» REQUIRED WORK: Reproduce, exactly and in full, only the lines below from the one containing "FILE_NAME('','',(''),(''),'','','');" through the one containing "#26=IFCINDEXEDPOLYGONALFACE((5,7,8,6));".

» RECORD SET:
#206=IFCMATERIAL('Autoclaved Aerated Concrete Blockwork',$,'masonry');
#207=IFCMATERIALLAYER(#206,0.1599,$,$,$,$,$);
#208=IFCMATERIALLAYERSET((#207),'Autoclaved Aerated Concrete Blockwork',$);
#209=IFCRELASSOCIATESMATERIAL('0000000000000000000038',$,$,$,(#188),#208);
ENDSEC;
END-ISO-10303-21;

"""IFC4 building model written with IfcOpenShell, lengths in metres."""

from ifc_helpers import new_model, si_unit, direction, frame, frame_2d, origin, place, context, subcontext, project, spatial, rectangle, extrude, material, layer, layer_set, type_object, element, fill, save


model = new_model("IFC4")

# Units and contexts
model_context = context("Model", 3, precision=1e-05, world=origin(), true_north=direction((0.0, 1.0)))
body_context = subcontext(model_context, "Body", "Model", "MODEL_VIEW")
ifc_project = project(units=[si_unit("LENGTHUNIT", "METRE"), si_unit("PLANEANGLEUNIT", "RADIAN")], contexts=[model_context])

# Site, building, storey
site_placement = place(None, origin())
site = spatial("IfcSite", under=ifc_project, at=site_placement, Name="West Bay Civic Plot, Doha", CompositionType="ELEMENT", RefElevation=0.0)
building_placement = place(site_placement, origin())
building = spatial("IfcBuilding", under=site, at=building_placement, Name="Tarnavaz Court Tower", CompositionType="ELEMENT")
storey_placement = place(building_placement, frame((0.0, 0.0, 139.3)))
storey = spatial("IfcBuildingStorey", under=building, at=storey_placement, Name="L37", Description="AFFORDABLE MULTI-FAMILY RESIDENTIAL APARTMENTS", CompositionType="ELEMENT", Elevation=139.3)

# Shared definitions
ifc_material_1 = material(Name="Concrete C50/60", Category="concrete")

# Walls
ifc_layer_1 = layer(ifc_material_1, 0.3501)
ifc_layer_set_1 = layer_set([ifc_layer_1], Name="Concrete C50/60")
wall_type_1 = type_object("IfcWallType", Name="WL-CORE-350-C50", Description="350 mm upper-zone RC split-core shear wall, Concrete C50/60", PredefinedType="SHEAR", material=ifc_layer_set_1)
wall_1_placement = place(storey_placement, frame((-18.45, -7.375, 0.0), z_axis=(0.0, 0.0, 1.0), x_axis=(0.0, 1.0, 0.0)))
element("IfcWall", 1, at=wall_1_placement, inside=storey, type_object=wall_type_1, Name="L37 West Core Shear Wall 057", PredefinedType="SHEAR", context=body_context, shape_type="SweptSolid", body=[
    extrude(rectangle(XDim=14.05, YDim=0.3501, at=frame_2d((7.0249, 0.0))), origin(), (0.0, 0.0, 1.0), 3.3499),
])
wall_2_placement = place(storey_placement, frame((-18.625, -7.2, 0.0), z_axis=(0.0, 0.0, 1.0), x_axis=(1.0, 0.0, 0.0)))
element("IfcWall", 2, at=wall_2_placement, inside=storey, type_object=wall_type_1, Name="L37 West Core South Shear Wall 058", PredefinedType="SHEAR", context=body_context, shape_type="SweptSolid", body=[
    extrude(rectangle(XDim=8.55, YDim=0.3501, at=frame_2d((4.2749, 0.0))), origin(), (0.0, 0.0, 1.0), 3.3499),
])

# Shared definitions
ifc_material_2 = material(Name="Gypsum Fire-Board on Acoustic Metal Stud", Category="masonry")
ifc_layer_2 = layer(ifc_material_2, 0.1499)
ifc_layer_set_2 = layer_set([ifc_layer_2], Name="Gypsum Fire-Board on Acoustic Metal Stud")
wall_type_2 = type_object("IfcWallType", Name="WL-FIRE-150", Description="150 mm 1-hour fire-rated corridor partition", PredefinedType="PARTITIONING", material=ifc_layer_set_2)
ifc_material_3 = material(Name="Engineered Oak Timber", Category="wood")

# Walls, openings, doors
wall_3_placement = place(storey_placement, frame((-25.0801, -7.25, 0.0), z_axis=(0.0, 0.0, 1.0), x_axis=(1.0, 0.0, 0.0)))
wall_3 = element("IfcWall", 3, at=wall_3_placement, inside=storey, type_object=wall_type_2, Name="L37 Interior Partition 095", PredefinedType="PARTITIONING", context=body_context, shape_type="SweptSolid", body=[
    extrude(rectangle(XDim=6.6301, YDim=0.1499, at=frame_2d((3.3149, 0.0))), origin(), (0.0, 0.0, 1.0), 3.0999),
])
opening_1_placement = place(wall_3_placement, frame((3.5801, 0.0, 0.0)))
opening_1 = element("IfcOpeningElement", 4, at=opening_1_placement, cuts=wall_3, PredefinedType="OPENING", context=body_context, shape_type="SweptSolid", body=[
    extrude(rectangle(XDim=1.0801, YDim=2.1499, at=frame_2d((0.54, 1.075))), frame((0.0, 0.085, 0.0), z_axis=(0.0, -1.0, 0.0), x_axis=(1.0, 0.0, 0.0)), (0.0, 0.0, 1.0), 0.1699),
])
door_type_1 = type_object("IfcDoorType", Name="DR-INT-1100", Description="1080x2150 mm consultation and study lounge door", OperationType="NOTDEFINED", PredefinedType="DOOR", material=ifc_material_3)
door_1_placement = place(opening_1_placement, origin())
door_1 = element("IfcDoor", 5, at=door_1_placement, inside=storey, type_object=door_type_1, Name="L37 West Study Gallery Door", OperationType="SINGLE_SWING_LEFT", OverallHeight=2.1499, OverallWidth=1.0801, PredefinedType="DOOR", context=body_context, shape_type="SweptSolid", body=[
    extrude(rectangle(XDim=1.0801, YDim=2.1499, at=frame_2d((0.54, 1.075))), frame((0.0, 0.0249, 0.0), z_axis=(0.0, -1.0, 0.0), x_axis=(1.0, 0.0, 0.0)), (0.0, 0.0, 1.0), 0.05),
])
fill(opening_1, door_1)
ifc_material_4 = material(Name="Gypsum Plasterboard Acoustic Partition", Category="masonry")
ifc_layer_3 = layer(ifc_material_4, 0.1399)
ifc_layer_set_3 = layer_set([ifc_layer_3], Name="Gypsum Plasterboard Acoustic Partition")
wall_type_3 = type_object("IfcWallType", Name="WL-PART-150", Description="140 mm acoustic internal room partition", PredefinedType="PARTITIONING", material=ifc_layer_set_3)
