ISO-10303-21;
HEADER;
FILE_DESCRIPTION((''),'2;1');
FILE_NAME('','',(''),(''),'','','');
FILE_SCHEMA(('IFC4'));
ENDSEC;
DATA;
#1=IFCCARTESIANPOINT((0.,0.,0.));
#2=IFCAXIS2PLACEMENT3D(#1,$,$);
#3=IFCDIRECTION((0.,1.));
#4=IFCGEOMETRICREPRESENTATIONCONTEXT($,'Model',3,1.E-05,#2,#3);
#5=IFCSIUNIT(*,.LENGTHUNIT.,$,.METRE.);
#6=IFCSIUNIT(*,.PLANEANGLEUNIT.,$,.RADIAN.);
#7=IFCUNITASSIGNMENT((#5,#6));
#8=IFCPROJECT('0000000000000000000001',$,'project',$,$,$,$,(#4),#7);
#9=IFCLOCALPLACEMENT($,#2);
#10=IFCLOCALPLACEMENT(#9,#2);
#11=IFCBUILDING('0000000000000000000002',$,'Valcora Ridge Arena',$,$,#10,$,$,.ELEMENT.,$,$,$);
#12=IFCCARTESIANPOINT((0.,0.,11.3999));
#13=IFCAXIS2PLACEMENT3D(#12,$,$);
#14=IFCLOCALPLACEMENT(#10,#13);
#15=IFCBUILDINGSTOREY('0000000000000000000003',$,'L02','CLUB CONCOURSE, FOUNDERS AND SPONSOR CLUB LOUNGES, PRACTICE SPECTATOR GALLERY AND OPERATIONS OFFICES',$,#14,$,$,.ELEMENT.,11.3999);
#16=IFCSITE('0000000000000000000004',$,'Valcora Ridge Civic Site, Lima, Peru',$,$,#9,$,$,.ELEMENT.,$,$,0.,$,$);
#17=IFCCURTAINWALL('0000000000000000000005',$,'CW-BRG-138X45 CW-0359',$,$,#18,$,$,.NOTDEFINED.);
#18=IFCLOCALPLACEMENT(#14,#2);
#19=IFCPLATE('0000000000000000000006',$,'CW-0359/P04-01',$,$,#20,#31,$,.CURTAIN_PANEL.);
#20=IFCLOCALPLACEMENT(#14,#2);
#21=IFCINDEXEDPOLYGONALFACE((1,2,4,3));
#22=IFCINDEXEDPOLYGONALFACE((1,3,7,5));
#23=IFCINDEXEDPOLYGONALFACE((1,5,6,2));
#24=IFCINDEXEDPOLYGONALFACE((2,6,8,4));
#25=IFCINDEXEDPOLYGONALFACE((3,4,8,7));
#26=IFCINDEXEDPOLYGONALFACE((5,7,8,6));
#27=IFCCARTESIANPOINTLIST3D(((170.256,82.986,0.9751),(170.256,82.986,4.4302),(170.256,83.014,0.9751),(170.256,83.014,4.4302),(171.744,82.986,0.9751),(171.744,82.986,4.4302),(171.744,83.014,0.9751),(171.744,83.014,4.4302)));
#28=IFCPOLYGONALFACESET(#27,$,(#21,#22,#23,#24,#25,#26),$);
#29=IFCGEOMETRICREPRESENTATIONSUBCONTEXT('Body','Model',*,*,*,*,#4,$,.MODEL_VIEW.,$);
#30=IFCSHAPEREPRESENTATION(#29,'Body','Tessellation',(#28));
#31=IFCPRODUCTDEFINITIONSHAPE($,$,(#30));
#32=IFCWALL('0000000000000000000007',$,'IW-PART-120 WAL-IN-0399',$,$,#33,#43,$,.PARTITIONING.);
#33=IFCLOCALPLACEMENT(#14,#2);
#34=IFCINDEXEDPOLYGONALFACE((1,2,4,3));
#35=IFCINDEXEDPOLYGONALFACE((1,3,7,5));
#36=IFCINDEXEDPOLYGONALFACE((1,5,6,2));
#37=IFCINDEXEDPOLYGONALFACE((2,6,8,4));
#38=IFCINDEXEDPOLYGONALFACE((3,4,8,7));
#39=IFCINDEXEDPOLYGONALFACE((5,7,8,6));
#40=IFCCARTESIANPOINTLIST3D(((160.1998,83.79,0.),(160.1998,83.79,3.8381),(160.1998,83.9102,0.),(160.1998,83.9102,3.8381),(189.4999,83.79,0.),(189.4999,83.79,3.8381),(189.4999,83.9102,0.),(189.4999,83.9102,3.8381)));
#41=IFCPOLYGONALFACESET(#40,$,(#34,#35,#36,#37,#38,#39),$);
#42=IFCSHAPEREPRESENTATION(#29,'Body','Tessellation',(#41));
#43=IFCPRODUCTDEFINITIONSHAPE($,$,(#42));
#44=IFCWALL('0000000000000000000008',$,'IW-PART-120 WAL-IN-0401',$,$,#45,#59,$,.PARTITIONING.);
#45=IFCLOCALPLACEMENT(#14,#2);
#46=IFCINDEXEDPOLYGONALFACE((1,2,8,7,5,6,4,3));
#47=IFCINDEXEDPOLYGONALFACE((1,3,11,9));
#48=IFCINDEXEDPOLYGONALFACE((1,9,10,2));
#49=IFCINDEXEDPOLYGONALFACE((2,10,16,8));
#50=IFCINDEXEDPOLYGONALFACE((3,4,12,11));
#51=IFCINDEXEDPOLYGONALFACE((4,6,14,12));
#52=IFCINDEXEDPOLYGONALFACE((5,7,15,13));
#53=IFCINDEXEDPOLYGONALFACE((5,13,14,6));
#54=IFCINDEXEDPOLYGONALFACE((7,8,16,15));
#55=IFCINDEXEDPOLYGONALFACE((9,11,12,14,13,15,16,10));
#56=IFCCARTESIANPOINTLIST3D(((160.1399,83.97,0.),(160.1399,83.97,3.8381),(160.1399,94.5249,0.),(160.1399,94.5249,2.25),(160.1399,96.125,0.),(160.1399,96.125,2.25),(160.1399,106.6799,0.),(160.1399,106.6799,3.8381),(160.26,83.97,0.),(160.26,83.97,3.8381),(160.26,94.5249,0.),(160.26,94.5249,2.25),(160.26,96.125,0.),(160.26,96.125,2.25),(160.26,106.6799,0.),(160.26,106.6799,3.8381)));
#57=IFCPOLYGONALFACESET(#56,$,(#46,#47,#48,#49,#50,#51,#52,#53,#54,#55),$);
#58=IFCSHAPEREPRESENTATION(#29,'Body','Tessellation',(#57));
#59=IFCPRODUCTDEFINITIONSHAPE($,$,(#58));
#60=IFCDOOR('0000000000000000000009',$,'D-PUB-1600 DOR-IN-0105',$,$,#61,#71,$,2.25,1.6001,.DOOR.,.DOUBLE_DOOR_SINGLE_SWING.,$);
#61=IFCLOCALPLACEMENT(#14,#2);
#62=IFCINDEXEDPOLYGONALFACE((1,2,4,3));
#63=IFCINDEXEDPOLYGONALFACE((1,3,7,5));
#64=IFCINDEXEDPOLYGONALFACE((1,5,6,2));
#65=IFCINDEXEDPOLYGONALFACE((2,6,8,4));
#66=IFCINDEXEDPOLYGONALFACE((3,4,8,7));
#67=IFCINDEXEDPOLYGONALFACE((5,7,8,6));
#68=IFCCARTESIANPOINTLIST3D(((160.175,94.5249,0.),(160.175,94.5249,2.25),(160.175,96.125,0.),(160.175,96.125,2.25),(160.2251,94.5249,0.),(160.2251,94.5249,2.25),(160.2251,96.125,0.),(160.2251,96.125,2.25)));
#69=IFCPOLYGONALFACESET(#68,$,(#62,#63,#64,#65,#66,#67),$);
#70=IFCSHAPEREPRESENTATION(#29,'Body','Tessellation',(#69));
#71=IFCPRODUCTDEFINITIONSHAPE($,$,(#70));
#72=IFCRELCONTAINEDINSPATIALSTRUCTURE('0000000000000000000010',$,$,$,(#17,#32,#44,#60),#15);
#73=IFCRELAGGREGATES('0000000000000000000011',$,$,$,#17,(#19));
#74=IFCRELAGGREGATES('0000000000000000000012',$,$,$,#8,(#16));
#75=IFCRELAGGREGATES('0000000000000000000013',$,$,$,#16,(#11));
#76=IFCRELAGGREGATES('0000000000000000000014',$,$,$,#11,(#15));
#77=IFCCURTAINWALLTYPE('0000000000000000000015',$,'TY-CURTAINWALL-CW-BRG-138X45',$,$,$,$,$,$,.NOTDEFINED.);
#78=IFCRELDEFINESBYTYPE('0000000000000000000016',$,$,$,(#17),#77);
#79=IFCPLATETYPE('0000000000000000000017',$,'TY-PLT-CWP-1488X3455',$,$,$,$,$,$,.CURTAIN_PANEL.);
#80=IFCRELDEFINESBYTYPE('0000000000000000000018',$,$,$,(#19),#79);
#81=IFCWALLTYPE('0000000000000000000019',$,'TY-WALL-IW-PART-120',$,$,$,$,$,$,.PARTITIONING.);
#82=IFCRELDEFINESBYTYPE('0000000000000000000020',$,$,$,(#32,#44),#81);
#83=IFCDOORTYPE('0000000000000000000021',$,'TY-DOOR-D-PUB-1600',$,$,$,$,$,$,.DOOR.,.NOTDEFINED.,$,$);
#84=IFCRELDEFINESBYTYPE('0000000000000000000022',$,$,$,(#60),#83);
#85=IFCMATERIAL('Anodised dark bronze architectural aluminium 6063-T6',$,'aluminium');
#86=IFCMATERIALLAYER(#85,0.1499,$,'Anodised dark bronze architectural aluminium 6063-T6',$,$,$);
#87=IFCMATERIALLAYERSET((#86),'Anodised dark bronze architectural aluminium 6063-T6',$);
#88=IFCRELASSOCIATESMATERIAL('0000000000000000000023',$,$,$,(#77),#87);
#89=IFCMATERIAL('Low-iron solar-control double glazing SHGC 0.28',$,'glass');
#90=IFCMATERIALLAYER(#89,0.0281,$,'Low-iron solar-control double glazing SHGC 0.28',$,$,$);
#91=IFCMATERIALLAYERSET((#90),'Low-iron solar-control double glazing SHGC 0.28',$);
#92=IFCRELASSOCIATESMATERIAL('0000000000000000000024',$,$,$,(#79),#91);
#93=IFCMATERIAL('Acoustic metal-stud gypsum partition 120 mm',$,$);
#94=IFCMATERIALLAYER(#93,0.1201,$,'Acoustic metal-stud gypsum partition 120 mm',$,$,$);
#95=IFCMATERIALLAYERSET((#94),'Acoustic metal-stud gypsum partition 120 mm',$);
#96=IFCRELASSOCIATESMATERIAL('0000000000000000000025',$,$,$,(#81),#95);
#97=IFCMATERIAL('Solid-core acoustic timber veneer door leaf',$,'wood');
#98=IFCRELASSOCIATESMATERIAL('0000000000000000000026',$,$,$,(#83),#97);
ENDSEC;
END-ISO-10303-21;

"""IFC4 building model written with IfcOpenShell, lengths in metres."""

from ifc_helpers import new_model, si_unit, direction, frame, frame_2d, origin, origin_2d, place, context, subcontext, project, spatial, rectangle, extrude, material, layer, layer_set, type_object, element, fill, aggregate, save


model = new_model("IFC4")

# Units and contexts
model_context = context("Model", 3, precision=1e-05, world=origin(), true_north=direction((0.0, 1.0)))
body_context = subcontext(model_context, "Body", "Model", "MODEL_VIEW")
ifc_project = project(units=[si_unit("LENGTHUNIT", "METRE"), si_unit("PLANEANGLEUNIT", "RADIAN")], contexts=[model_context])

# Site, building, storey
site_placement = place(None, origin())
site = spatial("IfcSite", under=ifc_project, at=site_placement, Name="Valcora Ridge Civic Site, Lima, Peru", CompositionType="ELEMENT", RefElevation=0.0)
building_placement = place(site_placement, origin())
building = spatial("IfcBuilding", under=site, at=building_placement, Name="Valcora Ridge Arena", CompositionType="ELEMENT")
storey_placement = place(building_placement, frame((0.0, 0.0, 11.3999)))
storey = spatial("IfcBuildingStorey", under=building, at=storey_placement, Name="L02", Description="CLUB CONCOURSE, FOUNDERS AND SPONSOR CLUB LOUNGES, PRACTICE SPECTATOR GALLERY AND OPERATIONS OFFICES", CompositionType="ELEMENT", Elevation=11.3999)

# Curtain wall, plate
ifc_material_1 = material(Name="Anodised dark bronze architectural aluminium 6063-T6", Category="aluminium")
ifc_layer_1 = layer(ifc_material_1, 0.1499, Name="Anodised dark bronze architectural aluminium 6063-T6")
ifc_layer_set_1 = layer_set([ifc_layer_1], Name="Anodised dark bronze architectural aluminium 6063-T6")
curtain_wall_type = type_object("IfcCurtainWallType", Name="TY-CURTAINWALL-CW-BRG-138X45", PredefinedType="NOTDEFINED", material=ifc_layer_set_1)
curtain_wall_placement = place(storey_placement, origin())
curtain_wall = element("IfcCurtainWall", 1, at=curtain_wall_placement, inside=storey, type_object=curtain_wall_type, Name="CW-BRG-138X45 CW-0359", PredefinedType="NOTDEFINED")
ifc_material_2 = material(Name="Low-iron solar-control double glazing SHGC 0.28", Category="glass")
ifc_layer_2 = layer(ifc_material_2, 0.0281, Name="Low-iron solar-control double glazing SHGC 0.28")
ifc_layer_set_2 = layer_set([ifc_layer_2], Name="Low-iron solar-control double glazing SHGC 0.28")
plate_type_1 = type_object("IfcPlateType", Name="TY-PLT-CWP-1488X3455", PredefinedType="CURTAIN_PANEL", material=ifc_layer_set_2)
plate_1_placement = place(storey_placement, frame((171.0, 83.0, 0.9751), z_axis=(0.0, 0.0, 1.0), x_axis=(1.0, 0.0, 0.0)))
plate_1 = element("IfcPlate", 2, at=plate_1_placement, type_object=plate_type_1, Name="CW-0359/P04-01", PredefinedType="CURTAIN_PANEL", context=body_context, shape_type="SweptSolid", body=[
    extrude(rectangle(XDim=1.488, YDim=0.0281, at=origin_2d()), origin(), (0.0, 0.0, 1.0), 3.4551),
])
aggregate(curtain_wall, [plate_1])

# Wall
ifc_material_3 = material(Name="Acoustic metal-stud gypsum partition 120 mm")
ifc_layer_3 = layer(ifc_material_3, 0.1201, Name="Acoustic metal-stud gypsum partition 120 mm")
ifc_layer_set_3 = layer_set([ifc_layer_3], Name="Acoustic metal-stud gypsum partition 120 mm")
wall_type = type_object("IfcWallType", Name="TY-WALL-IW-PART-120", PredefinedType="PARTITIONING", material=ifc_layer_set_3)
wall_1_placement = place(storey_placement, frame((160.2, 83.8501, 0.0), z_axis=(0.0, 0.0, 1.0), x_axis=(1.0, 0.0, 0.0)))
element("IfcWall", 3, at=wall_1_placement, inside=storey, type_object=wall_type, Name="IW-PART-120 WAL-IN-0399", PredefinedType="PARTITIONING", context=body_context, shape_type="SweptSolid", body=[
    extrude(rectangle(XDim=29.3, YDim=0.1201, at=frame_2d((14.6499, 0.0))), origin(), (0.0, 0.0, 1.0), 3.8381),
])

# Wall, opening, door
wall_2_placement = place(storey_placement, frame((160.2, 83.97, 0.0), z_axis=(0.0, 0.0, 1.0), x_axis=(0.0, 1.0, 0.0)))
wall_2 = element("IfcWall", 4, at=wall_2_placement, inside=storey, type_object=wall_type, Name="IW-PART-120 WAL-IN-0401", PredefinedType="PARTITIONING", context=body_context, shape_type="SweptSolid", body=[
    extrude(rectangle(XDim=22.71, YDim=0.1201, at=frame_2d((11.355, 0.0))), origin(), (0.0, 0.0, 1.0), 3.8381),
])
opening_placement = place(wall_2_placement, frame((10.5549, 0.0, 0.0)))
opening = element("IfcOpeningElement", 5, at=opening_placement, cuts=wall_2, PredefinedType="OPENING", context=body_context, shape_type="SweptSolid", body=[
    extrude(rectangle(XDim=1.6001, YDim=2.25, at=frame_2d((0.8, 1.125))), frame((0.0, 0.0701, 0.0), z_axis=(0.0, -1.0, 0.0), x_axis=(1.0, 0.0, 0.0)), (0.0, 0.0, 1.0), 0.1401),
])
ifc_material_4 = material(Name="Solid-core acoustic timber veneer door leaf", Category="wood")
door_type = type_object("IfcDoorType", Name="TY-DOOR-D-PUB-1600", OperationType="NOTDEFINED", PredefinedType="DOOR", material=ifc_material_4)
door_placement = place(opening_placement, origin())
door = element("IfcDoor", 6, at=door_placement, inside=storey, type_object=door_type, Name="D-PUB-1600 DOR-IN-0105", OperationType="DOUBLE_DOOR_SINGLE_SWING", OverallHeight=2.25, OverallWidth=1.6001, PredefinedType="DOOR", context=body_context, shape_type="SweptSolid", body=[
    extrude(rectangle(XDim=1.6001, YDim=2.25, at=frame_2d((0.8, 1.125))), frame((0.0, 0.0249, 0.0), z_axis=(0.0, -1.0, 0.0), x_axis=(1.0, 0.0, 0.0)), (0.0, 0.0, 1.0), 0.05),
])
fill(opening, door)

save(model, "model.ifc")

» SOLUTION BELOW:
FILE_NAME('','',(''),(''),'','','');
FILE_SCHEMA(('IFC4'));
ENDSEC;
DATA;
#1=IFCCARTESIANPOINT((0.,0.,0.));
#2=IFCAXIS2PLACEMENT3D(#1,$,$);
#3=IFCDIRECTION((0.,1.));
#4=IFCGEOMETRICREPRESENTATIONCONTEXT($,'Model',3,1.E-05,#2,#3);
#5=IFCSIUNIT(*,.LENGTHUNIT.,$,.METRE.);
#6=IFCSIUNIT(*,.PLANEANGLEUNIT.,$,.RADIAN.);
#7=IFCUNITASSIGNMENT((#5,#6));
#8=IFCPROJECT('0000000000000000000001',$,'project',$,$,$,$,(#4),#7);
#9=IFCLOCALPLACEMENT($,#2);
#10=IFCLOCALPLACEMENT(#9,#2);
#11=IFCBUILDING('0000000000000000000002',$,'Valcora Ridge Arena',$,$,#10,$,$,.ELEMENT.,$,$,$);
#12=IFCCARTESIANPOINT((0.,0.,11.3999));
#13=IFCAXIS2PLACEMENT3D(#12,$,$);
#14=IFCLOCALPLACEMENT(#10,#13);
#15=IFCBUILDINGSTOREY('0000000000000000000003',$,'L02','CLUB CONCOURSE, FOUNDERS AND SPONSOR CLUB LOUNGES, PRACTICE SPECTATOR GALLERY AND OPERATIONS OFFICES',$,#14,$,$,.ELEMENT.,11.3999);
#16=IFCSITE('0000000000000000000004',$,'Valcora Ridge Civic Site, Lima, Peru',$,$,#9,$,$,.ELEMENT.,$,$,0.,$,$);
#17=IFCCURTAINWALL('0000000000000000000005',$,'CW-BRG-138X45 CW-0359',$,$,#18,$,$,.NOTDEFINED.);
#18=IFCLOCALPLACEMENT(#14,#2);
#19=IFCPLATE('0000000000000000000006',$,'CW-0359/P04-01',$,$,#20,#31,$,.CURTAIN_PANEL.);
#20=IFCLOCALPLACEMENT(#14,#2);
#21=IFCINDEXEDPOLYGONALFACE((1,2,4,3));
#22=IFCINDEXEDPOLYGONALFACE((1,3,7,5));
#23=IFCINDEXEDPOLYGONALFACE((1,5,6,2));
#24=IFCINDEXEDPOLYGONALFACE((2,6,8,4));
#25=IFCINDEXEDPOLYGONALFACE((3,4,8,7));
#26=IFCINDEXEDPOLYGONALFACE((5,7,8,6));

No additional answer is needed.